Required action: Whenever a line contains the string "IfcSite", copy it out of the entries.

Supplied material:

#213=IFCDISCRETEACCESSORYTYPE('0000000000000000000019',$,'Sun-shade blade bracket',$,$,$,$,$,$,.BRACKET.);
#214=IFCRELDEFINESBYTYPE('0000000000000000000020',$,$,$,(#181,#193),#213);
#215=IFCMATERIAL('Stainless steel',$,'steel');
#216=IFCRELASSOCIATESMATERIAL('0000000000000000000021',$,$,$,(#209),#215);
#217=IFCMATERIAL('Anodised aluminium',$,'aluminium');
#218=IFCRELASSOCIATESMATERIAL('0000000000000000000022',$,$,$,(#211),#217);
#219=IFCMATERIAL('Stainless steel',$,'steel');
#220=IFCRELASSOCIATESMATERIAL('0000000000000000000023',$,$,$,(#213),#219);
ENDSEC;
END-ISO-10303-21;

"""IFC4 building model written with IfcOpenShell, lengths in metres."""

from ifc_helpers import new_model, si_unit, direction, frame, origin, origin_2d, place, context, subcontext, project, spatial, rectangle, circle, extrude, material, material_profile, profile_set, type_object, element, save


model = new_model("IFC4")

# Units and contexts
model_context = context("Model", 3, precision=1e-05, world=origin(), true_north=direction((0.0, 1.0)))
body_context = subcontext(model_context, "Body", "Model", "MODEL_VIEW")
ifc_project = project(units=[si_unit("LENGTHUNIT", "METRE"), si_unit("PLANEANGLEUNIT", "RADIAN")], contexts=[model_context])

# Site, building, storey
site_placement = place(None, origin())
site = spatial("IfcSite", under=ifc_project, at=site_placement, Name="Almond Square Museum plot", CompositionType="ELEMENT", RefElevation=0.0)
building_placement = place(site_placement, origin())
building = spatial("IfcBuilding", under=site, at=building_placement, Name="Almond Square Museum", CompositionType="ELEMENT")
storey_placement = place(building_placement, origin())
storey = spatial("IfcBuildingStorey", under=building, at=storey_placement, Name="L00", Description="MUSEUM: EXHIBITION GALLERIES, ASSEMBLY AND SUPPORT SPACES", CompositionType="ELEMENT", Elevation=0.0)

==

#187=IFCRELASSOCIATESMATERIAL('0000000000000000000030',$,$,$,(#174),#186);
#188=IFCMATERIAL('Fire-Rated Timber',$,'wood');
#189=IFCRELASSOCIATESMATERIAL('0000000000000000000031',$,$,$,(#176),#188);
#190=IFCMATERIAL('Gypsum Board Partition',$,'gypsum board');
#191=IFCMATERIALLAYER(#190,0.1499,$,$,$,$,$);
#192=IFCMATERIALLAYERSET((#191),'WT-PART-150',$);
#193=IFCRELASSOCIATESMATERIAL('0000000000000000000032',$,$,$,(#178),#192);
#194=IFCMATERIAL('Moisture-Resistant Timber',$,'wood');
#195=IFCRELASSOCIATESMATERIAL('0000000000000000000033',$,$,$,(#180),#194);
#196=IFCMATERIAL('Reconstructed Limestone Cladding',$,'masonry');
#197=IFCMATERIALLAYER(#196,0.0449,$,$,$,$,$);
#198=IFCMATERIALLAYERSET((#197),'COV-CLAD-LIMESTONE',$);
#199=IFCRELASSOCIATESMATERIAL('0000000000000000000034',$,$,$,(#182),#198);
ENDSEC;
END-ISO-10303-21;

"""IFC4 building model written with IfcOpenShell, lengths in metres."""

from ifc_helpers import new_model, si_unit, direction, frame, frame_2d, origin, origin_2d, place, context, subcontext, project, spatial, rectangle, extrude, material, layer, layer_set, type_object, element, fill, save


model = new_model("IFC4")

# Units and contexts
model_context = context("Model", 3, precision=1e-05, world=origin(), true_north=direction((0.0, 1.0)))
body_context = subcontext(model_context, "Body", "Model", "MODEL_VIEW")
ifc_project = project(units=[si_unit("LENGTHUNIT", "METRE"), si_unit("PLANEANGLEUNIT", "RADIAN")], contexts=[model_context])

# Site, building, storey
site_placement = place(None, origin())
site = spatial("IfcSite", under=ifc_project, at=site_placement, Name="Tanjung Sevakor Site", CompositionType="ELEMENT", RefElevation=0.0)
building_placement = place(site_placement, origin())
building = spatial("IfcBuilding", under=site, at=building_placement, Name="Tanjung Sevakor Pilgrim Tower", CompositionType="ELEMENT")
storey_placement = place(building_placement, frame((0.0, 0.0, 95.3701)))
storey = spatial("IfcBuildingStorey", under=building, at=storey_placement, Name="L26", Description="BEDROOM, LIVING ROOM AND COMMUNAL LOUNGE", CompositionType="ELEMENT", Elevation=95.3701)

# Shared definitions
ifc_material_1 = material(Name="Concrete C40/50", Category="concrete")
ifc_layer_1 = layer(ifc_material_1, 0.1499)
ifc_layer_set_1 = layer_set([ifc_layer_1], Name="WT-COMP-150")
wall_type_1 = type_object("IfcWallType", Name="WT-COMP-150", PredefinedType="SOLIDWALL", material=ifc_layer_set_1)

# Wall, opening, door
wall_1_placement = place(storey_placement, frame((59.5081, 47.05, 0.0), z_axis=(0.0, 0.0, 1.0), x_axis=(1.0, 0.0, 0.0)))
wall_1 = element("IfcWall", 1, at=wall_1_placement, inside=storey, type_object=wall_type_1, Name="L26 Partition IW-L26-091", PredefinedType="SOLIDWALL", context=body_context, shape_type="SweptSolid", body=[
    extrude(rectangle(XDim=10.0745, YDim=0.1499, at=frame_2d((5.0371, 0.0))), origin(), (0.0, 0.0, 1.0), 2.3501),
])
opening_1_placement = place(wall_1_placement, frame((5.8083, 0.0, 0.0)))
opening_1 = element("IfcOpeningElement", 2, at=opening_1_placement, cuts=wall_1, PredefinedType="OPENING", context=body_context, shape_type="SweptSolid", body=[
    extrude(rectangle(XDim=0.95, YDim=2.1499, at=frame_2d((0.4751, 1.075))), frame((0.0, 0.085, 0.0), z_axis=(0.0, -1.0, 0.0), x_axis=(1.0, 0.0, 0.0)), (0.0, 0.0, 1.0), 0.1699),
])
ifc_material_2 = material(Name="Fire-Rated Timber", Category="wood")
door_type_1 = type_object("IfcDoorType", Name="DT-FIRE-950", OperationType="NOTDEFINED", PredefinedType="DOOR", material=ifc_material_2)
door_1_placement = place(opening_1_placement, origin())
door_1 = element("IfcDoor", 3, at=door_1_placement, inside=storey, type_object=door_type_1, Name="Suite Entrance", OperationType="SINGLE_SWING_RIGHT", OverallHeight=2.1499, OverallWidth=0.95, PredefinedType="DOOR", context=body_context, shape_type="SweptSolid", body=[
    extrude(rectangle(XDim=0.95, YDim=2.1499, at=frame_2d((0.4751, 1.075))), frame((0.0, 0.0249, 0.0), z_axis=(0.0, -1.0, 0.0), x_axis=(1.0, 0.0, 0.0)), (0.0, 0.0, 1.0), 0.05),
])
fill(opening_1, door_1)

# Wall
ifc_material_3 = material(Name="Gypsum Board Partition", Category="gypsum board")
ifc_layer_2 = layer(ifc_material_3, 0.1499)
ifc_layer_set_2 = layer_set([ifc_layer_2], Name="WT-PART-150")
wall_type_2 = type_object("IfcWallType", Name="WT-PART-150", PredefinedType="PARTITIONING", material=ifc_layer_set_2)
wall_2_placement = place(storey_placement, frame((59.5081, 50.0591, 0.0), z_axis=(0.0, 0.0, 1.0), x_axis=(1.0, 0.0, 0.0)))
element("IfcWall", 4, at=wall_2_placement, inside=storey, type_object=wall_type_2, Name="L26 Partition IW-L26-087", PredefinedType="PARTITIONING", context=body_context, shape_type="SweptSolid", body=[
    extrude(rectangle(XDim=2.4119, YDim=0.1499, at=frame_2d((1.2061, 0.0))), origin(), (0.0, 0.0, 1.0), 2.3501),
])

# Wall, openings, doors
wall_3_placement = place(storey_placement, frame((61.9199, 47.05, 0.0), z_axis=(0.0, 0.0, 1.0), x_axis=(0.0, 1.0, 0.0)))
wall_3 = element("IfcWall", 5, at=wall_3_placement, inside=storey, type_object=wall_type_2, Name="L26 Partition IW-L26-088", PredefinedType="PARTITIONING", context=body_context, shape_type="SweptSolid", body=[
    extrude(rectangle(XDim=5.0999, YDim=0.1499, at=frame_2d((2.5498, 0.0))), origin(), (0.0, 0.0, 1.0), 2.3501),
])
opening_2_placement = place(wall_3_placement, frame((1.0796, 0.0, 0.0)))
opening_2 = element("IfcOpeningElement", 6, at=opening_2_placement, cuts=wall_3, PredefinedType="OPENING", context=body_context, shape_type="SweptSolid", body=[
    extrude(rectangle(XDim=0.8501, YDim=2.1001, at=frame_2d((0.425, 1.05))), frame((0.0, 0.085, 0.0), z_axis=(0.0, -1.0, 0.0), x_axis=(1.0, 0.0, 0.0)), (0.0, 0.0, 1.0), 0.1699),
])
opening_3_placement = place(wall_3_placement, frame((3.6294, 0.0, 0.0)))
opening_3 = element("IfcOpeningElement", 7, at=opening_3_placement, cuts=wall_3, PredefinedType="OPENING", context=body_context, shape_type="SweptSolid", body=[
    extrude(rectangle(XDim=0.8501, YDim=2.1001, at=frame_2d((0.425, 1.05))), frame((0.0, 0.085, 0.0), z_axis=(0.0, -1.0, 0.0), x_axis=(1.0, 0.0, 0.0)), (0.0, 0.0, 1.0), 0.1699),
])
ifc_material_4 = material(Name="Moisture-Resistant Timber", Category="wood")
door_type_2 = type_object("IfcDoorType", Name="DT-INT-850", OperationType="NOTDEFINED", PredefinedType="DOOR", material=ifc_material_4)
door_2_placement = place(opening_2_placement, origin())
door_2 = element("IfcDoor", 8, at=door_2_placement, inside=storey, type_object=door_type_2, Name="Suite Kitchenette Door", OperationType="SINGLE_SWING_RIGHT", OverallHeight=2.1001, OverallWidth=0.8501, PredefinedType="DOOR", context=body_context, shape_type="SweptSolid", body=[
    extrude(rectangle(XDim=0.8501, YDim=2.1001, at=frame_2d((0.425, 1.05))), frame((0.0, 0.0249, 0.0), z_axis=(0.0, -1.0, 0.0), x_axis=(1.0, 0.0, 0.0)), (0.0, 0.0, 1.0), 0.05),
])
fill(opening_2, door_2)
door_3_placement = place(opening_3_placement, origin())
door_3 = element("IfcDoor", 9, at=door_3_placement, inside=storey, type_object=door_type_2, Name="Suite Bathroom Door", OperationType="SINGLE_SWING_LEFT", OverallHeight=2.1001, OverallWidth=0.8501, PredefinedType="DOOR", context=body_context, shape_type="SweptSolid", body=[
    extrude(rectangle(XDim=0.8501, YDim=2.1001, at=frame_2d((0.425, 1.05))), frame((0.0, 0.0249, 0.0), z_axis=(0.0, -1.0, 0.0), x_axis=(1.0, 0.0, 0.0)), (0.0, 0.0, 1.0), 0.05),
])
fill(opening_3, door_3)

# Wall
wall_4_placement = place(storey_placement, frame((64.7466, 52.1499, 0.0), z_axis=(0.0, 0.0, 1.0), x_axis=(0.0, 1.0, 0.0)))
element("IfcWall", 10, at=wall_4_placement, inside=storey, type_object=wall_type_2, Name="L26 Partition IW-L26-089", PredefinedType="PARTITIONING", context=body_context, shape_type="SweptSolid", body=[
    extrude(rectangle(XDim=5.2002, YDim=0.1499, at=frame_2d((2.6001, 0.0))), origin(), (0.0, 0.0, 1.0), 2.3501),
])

Written response:
site = spatial("IfcSite", under=ifc_project, at=site_placement, Name="Almond Square Museum plot", CompositionType="ELEMENT", RefElevation=0.0)
site = spatial("IfcSite", under=ifc_project, at=site_placement, Name="Tanjung Sevakor Site", CompositionType="ELEMENT", RefElevation=0.0)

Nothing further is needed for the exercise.